→ **Work task**
Report only how many lines in the material contain "under".

───── Available records

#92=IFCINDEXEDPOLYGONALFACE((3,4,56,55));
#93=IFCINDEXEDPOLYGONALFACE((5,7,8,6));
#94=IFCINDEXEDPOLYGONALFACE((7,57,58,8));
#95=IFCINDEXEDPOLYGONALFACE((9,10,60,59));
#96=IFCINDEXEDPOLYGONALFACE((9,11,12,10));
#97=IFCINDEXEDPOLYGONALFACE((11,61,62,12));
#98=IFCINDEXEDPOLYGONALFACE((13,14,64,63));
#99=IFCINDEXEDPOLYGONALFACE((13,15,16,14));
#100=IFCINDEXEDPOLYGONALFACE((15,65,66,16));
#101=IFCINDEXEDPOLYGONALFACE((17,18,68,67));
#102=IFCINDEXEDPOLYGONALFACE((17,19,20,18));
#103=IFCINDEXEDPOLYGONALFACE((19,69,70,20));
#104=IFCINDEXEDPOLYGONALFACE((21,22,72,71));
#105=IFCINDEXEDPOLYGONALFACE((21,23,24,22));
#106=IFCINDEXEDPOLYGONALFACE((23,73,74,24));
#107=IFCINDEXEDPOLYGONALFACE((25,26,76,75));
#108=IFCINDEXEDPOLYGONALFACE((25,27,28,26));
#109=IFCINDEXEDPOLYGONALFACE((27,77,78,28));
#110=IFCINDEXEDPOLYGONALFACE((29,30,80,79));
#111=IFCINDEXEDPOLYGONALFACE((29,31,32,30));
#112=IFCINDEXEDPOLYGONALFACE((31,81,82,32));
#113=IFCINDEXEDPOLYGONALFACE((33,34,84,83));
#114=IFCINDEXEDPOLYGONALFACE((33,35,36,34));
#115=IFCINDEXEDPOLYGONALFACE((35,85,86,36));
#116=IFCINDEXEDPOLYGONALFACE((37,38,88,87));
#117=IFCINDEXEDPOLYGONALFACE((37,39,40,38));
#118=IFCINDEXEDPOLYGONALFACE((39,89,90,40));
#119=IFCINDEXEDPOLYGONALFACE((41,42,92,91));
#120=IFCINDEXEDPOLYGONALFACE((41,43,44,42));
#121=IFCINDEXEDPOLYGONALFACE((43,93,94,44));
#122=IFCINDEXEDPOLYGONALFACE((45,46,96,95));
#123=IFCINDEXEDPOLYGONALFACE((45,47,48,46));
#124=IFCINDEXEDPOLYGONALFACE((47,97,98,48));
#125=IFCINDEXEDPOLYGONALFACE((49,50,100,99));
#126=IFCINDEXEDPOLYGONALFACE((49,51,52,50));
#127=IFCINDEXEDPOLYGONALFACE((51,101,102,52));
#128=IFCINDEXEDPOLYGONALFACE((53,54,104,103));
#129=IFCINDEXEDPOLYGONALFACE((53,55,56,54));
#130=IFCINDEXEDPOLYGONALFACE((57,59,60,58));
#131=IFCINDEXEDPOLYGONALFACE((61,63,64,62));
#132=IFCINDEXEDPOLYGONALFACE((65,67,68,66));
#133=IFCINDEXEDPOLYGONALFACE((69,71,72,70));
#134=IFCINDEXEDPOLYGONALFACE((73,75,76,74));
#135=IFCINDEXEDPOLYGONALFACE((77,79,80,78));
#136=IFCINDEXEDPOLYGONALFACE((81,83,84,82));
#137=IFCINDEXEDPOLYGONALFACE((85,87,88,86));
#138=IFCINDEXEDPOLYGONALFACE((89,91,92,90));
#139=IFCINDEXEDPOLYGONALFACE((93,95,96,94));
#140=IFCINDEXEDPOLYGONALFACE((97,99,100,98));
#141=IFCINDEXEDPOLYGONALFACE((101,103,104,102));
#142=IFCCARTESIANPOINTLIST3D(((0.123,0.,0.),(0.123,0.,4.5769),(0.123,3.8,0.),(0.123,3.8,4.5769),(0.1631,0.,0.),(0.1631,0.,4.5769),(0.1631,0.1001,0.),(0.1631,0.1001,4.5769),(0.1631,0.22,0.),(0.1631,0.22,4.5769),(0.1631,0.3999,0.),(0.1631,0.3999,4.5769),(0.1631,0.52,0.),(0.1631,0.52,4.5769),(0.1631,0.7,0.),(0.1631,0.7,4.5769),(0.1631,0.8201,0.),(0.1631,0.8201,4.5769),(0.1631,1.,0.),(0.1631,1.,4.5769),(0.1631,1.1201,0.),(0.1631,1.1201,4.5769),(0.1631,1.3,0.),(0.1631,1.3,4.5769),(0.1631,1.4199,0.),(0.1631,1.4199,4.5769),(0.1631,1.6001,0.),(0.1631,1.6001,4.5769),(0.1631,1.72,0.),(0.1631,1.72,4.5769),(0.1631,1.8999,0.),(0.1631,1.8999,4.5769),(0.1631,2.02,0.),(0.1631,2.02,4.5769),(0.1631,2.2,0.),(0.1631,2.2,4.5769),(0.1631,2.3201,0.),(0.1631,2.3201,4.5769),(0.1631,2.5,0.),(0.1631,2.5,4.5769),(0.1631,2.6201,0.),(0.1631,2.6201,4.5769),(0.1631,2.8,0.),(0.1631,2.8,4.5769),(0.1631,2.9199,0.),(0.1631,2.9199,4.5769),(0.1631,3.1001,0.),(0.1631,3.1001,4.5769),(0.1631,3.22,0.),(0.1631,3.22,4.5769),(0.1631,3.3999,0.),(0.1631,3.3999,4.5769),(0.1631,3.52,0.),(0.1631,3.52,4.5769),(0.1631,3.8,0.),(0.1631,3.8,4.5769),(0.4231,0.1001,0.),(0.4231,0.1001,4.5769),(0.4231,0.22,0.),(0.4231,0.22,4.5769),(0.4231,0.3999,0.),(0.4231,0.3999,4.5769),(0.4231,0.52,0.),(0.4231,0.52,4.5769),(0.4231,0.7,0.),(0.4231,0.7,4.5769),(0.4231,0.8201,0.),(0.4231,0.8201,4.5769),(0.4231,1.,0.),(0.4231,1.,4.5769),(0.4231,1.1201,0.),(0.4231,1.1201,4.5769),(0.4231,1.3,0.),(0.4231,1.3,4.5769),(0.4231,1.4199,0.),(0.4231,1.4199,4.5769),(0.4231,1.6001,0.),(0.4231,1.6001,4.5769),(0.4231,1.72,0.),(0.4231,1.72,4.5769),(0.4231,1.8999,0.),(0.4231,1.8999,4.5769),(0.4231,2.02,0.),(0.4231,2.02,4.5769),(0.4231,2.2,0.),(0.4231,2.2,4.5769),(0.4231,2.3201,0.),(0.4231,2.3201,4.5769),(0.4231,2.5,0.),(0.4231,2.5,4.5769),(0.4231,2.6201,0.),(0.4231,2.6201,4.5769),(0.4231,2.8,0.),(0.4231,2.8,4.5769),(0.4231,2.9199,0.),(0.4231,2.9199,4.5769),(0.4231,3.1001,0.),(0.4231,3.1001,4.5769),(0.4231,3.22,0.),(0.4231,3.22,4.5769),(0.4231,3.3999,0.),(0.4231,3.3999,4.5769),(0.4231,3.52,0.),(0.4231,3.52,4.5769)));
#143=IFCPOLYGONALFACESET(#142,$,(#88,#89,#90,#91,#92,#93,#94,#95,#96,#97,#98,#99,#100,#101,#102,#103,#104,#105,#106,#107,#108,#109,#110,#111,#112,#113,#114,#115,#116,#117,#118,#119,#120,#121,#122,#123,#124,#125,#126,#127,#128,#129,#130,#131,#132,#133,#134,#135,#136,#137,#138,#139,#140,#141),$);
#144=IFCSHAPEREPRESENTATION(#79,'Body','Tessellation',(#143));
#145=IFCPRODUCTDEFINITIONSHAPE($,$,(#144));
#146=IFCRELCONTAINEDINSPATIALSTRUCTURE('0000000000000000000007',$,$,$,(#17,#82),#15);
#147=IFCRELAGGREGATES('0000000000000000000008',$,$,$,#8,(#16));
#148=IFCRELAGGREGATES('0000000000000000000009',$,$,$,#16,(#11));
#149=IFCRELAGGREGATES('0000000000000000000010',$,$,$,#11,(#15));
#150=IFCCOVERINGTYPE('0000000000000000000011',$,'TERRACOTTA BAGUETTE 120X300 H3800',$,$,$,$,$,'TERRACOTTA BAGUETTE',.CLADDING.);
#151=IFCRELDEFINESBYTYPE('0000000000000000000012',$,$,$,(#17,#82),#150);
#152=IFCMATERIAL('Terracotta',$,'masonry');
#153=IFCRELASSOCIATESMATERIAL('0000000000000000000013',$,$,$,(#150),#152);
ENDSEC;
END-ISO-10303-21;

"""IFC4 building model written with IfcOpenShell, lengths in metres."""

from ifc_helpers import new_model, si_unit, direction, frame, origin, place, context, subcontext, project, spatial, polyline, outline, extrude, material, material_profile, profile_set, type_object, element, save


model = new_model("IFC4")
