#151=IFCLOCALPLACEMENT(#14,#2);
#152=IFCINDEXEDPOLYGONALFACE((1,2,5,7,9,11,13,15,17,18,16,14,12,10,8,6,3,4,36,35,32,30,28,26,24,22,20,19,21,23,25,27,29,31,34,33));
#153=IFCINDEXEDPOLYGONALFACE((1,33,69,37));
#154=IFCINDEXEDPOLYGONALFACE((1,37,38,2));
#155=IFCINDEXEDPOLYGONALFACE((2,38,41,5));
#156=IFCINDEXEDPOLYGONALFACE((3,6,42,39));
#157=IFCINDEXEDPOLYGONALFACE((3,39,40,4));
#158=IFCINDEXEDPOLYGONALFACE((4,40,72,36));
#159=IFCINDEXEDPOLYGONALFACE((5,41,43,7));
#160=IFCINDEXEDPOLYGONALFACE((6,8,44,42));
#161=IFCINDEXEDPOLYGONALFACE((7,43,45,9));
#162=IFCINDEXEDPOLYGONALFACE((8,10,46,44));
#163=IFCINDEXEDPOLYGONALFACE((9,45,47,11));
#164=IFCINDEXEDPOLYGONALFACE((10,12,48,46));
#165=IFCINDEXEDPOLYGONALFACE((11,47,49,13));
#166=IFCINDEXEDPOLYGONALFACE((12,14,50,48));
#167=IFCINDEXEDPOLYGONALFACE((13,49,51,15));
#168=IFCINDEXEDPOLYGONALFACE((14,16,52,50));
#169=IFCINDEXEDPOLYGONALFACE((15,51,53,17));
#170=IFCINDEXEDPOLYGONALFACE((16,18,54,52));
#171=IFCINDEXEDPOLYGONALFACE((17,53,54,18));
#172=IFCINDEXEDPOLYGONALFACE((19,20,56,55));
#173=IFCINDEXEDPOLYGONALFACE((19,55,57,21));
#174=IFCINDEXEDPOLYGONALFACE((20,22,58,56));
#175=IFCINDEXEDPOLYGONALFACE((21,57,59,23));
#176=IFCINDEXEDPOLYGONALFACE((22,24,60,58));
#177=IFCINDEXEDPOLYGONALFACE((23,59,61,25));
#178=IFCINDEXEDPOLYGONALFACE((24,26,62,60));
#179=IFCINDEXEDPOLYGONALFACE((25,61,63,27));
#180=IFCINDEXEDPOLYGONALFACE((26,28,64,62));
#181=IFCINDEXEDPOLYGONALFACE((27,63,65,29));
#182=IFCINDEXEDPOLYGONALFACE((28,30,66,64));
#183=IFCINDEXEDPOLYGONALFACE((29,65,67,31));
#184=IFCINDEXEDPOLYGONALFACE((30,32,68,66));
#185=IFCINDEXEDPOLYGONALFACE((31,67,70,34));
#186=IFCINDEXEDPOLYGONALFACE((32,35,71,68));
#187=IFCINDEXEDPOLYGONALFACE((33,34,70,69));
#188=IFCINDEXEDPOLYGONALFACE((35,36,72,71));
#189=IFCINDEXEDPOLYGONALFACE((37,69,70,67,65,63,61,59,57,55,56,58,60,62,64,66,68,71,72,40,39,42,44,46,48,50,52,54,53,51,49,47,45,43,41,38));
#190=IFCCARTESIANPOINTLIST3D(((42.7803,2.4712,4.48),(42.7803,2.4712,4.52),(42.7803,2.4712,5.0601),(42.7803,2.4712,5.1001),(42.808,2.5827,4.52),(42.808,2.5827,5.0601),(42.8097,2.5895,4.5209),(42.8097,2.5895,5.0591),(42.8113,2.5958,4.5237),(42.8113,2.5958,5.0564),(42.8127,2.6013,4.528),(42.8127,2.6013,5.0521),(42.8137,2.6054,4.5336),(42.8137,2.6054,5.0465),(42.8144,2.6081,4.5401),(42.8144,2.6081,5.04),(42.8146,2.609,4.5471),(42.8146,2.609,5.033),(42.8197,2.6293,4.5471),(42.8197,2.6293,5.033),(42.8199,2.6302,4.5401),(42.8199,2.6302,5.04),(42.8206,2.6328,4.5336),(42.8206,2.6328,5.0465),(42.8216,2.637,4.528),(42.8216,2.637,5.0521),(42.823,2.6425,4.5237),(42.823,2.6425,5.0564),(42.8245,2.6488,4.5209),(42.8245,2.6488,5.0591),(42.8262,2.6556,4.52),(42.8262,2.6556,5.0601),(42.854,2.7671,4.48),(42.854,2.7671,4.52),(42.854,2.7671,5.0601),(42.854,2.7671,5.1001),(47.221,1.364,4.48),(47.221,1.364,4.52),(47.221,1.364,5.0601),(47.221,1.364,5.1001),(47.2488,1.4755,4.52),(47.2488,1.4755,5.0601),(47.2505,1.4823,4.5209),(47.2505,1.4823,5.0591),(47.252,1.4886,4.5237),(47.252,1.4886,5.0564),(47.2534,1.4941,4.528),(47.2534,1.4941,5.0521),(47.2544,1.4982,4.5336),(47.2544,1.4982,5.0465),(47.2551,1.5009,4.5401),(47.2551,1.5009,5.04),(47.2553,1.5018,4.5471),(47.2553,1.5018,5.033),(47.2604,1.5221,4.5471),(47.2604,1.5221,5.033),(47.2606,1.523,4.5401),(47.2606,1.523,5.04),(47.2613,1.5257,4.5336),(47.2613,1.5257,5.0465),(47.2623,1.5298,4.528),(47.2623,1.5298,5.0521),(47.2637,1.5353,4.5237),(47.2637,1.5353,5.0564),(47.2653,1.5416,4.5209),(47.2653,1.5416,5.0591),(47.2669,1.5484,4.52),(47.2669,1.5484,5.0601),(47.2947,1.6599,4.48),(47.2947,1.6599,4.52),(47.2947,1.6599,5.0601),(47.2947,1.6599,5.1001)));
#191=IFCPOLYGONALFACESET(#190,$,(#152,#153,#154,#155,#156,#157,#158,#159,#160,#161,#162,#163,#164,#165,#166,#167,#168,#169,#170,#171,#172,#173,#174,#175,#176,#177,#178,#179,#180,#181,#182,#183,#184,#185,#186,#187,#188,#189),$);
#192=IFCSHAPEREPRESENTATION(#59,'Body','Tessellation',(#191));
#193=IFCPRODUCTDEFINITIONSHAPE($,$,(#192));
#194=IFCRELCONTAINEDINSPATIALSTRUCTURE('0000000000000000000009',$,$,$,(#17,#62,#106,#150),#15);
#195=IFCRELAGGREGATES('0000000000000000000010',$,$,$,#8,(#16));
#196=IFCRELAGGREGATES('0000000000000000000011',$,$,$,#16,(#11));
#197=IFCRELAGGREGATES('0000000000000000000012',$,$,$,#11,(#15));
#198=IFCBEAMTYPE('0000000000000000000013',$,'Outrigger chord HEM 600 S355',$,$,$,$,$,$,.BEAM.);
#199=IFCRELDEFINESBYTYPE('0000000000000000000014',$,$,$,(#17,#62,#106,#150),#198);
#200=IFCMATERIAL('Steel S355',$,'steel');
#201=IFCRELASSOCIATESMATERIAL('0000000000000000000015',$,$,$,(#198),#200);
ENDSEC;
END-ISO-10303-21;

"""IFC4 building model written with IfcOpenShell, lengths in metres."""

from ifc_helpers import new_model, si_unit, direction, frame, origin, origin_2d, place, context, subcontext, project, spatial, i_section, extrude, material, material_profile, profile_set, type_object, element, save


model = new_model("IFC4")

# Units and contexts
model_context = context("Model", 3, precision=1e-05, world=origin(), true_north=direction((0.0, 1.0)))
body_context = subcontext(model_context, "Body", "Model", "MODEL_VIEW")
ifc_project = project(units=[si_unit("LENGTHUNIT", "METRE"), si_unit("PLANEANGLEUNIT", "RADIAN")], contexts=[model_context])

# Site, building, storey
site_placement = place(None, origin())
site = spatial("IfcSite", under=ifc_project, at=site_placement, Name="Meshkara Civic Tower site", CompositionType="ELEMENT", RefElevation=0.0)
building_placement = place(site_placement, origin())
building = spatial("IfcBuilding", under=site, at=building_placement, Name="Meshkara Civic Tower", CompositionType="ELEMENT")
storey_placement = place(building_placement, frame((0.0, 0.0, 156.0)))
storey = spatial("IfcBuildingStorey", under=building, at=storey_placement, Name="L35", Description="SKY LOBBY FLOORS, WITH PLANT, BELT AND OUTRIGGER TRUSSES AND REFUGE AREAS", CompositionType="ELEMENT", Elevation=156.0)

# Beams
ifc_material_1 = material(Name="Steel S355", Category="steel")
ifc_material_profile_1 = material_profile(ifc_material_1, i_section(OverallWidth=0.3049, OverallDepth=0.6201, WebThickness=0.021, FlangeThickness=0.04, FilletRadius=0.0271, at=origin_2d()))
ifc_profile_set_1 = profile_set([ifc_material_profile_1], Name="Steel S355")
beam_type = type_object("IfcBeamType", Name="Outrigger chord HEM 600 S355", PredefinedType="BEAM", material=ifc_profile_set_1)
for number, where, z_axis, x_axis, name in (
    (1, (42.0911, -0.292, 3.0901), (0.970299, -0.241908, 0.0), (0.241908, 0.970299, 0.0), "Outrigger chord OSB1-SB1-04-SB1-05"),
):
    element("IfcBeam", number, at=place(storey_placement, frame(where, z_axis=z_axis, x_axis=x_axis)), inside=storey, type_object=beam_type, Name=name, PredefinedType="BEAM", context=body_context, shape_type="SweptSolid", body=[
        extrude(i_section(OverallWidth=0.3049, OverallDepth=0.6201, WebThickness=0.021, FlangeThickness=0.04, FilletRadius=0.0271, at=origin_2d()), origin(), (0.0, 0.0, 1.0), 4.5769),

──────────

→ **Answer area**
3